WORK REQUIRED: Word for word, set down every line of the entries below from the line with "#117=IFCINDEXEDPOLYGONALFACE((13,14,16,15));" to the line with "#125=IFCINDEXEDPOLYGONALFACE((29,33,34,30));", including both, and no other line.

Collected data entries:
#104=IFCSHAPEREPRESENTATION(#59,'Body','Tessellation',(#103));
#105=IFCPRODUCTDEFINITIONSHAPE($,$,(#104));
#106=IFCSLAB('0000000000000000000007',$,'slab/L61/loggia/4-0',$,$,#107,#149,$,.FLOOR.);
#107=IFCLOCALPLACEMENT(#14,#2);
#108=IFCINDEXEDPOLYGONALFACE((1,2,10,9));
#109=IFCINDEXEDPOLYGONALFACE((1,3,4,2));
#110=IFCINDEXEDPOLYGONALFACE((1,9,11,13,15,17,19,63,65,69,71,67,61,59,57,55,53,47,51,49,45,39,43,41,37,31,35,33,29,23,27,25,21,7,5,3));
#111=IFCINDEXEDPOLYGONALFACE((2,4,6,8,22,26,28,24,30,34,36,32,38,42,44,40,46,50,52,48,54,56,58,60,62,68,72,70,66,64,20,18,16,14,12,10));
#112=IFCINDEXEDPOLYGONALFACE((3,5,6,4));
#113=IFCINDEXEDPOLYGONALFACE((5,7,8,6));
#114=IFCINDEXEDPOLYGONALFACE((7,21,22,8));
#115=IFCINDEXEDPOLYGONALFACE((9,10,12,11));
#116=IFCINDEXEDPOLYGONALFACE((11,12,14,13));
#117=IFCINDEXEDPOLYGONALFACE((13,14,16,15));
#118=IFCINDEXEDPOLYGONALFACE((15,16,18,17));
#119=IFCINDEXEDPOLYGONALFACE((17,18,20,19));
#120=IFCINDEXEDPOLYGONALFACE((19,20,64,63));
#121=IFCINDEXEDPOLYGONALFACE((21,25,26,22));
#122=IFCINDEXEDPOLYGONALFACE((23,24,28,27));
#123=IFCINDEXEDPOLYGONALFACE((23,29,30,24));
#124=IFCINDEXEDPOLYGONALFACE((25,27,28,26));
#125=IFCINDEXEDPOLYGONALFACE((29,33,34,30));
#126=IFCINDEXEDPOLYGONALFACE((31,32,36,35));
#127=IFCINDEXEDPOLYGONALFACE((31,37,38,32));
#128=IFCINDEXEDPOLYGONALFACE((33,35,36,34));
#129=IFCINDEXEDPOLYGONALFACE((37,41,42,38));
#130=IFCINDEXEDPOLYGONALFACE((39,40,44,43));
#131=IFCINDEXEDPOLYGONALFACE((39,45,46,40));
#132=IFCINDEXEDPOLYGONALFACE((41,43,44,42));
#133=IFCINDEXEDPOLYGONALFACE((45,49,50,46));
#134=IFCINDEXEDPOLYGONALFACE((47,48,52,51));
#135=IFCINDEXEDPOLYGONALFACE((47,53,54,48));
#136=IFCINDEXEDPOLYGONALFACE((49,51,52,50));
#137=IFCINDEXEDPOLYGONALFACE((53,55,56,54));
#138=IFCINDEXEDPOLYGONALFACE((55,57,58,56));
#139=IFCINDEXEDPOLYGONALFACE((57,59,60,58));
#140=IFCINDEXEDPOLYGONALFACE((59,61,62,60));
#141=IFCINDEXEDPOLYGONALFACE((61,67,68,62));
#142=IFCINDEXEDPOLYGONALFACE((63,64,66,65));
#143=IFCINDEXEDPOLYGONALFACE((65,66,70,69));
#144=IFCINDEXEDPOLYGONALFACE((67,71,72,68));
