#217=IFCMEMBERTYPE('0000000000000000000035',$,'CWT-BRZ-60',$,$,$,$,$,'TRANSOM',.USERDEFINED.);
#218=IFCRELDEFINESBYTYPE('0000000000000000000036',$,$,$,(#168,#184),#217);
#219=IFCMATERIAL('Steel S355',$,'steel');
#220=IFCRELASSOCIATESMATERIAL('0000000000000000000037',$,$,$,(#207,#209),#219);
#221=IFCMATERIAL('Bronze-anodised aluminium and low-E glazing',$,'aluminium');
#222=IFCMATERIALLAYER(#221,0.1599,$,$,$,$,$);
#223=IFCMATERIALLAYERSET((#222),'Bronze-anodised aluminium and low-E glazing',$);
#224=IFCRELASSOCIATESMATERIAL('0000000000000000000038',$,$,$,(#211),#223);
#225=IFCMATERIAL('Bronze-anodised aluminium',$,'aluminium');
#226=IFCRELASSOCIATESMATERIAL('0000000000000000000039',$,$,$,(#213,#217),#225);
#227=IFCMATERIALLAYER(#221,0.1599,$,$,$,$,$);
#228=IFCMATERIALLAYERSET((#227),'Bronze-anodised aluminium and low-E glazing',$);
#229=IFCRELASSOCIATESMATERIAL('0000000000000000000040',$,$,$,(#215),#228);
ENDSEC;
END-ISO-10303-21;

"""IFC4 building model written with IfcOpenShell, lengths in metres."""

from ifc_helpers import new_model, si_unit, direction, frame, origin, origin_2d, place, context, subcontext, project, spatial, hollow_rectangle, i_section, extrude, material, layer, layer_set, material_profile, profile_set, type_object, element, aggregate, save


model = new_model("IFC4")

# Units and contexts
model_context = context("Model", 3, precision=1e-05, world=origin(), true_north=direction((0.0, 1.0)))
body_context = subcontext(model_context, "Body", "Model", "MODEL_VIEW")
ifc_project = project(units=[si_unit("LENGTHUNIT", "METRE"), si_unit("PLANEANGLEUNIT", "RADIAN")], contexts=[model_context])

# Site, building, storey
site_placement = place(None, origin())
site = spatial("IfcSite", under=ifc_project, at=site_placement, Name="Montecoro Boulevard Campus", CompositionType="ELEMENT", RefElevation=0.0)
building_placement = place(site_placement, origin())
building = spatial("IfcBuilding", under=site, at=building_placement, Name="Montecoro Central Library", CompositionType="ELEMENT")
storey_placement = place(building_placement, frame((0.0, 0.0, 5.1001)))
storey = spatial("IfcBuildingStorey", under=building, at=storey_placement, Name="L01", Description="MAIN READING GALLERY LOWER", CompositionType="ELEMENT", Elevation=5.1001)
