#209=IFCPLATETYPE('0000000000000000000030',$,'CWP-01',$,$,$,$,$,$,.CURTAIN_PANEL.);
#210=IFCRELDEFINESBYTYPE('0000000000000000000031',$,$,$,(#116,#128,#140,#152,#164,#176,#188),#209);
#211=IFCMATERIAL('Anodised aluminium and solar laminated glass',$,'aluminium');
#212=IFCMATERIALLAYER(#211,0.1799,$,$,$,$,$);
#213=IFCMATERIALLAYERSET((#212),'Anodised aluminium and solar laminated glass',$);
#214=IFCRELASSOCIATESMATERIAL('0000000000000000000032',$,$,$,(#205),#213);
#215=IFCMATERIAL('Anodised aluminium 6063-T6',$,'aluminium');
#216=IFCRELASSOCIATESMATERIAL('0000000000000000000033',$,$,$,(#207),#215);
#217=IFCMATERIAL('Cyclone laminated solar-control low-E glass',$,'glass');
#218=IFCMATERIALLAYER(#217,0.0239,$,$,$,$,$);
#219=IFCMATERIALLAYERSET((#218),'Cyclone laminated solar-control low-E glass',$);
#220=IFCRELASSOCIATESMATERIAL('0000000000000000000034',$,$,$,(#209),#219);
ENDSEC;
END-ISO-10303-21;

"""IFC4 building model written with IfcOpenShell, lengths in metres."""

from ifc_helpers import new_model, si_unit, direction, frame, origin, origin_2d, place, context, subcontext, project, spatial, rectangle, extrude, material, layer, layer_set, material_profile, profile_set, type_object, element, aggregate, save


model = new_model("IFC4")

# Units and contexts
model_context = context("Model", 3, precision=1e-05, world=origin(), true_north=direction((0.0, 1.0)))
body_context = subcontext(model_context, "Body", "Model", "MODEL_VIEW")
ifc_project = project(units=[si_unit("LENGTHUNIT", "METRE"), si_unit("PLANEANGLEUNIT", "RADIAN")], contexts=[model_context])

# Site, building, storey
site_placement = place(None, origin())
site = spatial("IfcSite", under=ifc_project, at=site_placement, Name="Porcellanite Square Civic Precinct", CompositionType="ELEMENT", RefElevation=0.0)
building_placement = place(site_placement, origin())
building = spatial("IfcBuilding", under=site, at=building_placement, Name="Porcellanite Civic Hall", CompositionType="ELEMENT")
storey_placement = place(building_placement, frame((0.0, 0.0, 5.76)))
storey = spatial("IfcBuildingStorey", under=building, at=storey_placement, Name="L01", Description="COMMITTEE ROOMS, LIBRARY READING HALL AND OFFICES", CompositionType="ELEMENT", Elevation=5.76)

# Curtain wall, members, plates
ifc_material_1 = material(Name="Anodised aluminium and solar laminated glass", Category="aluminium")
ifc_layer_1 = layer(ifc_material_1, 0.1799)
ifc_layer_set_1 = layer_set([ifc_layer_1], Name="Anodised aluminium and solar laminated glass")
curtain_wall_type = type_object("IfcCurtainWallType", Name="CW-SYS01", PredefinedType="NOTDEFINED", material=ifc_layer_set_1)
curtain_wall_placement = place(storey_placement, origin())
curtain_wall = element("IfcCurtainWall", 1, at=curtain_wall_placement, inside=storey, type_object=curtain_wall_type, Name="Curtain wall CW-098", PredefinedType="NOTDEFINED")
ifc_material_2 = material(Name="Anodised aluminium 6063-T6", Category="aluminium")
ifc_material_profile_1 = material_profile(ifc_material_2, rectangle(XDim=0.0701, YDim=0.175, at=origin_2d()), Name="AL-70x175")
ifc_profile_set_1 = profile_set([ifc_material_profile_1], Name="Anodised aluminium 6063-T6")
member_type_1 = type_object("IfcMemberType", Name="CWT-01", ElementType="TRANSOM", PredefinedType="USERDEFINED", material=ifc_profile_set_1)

EXERCISE RESULT:
#117=IFCINDEXEDPOLYGONALFACE((13,14,16,15));
#118=IFCINDEXEDPOLYGONALFACE((15,16,18,17));
#119=IFCINDEXEDPOLYGONALFACE((17,18,20,19));
#120=IFCINDEXEDPOLYGONALFACE((19,20,64,63));
#121=IFCINDEXEDPOLYGONALFACE((21,25,26,22));
#122=IFCINDEXEDPOLYGONALFACE((23,24,28,27));
#123=IFCINDEXEDPOLYGONALFACE((23,29,30,24));
#124=IFCINDEXEDPOLYGONALFACE((25,27,28,26));
#125=IFCINDEXEDPOLYGONALFACE((29,33,34,30));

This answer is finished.